EXERCISE PROMPT:
Where the string "IfcShapeRepresentation" appears in a line of the material below, copy that line.

DATA FOR THE TASK:
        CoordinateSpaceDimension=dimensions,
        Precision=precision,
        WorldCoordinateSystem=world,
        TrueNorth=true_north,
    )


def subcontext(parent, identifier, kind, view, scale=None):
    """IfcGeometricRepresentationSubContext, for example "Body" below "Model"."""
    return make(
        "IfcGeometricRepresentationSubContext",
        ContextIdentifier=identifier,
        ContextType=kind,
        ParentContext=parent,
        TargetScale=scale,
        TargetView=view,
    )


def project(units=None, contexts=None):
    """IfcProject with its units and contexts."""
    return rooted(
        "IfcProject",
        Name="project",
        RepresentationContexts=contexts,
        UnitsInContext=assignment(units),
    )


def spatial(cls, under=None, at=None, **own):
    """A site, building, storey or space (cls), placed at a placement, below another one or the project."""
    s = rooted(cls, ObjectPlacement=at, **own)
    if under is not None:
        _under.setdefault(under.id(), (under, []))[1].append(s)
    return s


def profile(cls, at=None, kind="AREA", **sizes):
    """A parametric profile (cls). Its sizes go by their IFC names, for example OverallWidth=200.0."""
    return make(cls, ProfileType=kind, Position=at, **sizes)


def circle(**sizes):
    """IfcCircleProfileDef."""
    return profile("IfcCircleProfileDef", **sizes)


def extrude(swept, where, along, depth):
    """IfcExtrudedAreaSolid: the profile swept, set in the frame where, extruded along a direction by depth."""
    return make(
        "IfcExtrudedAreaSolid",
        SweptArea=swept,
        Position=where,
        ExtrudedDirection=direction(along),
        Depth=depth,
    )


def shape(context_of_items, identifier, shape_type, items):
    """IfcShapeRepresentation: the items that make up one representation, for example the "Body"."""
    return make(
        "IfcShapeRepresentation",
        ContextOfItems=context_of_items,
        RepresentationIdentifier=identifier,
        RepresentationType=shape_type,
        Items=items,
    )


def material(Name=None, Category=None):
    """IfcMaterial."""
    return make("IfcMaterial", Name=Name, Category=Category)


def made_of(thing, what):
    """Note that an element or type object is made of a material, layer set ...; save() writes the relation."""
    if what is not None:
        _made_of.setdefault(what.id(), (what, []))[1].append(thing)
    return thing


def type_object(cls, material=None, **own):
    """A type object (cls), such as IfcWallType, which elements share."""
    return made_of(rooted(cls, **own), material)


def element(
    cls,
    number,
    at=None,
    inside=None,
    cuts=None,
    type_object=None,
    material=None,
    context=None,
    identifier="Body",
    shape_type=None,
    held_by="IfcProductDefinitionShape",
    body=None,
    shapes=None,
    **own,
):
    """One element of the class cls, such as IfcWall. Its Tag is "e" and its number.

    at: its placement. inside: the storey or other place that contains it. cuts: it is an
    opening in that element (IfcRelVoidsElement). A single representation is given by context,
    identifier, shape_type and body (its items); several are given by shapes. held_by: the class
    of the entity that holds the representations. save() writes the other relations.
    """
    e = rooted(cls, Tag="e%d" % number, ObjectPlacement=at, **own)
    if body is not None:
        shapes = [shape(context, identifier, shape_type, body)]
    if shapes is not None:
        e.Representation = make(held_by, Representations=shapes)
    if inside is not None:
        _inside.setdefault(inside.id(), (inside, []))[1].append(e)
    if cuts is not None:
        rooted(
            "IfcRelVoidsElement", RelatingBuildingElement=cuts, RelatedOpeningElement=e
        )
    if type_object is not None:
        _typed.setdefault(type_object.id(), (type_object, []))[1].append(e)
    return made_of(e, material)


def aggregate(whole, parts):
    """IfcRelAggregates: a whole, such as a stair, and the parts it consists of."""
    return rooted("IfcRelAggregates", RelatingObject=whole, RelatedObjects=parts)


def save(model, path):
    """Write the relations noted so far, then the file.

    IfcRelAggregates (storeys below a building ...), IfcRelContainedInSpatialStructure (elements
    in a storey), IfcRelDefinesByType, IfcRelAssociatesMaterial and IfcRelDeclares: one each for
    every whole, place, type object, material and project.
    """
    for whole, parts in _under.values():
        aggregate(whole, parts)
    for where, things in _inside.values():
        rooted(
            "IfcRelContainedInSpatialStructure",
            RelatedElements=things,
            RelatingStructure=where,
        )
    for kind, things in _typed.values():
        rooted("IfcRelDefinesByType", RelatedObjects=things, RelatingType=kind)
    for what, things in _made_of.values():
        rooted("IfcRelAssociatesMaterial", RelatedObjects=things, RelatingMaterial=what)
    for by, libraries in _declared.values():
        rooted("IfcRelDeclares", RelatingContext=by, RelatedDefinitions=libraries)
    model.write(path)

--

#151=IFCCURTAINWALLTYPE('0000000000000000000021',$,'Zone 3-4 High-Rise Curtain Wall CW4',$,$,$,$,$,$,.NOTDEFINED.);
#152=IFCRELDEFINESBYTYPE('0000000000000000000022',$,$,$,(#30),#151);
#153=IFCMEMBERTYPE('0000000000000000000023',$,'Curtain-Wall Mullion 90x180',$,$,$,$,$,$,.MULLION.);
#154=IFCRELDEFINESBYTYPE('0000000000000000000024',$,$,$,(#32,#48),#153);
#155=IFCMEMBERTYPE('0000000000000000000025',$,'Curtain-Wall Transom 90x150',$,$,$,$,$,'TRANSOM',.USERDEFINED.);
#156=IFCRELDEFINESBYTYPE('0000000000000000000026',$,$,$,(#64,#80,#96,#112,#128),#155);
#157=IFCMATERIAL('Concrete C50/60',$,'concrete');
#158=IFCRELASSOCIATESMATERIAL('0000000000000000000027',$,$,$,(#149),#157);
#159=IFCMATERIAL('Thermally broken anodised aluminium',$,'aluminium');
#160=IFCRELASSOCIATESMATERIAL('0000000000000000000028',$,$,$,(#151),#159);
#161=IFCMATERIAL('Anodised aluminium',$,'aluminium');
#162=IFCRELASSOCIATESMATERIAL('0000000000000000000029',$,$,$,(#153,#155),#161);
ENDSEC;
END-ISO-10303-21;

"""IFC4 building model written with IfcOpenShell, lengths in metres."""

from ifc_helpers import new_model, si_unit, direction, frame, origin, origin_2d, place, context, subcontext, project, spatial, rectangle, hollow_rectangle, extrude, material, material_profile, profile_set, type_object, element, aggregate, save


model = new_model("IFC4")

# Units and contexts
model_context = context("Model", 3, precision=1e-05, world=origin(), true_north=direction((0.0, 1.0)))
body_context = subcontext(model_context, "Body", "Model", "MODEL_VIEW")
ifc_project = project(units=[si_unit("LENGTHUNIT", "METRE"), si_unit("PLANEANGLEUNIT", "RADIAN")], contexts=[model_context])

RESULT:
    """IfcShapeRepresentation: the items that make up one representation, for example the "Body"."""
        "IfcShapeRepresentation",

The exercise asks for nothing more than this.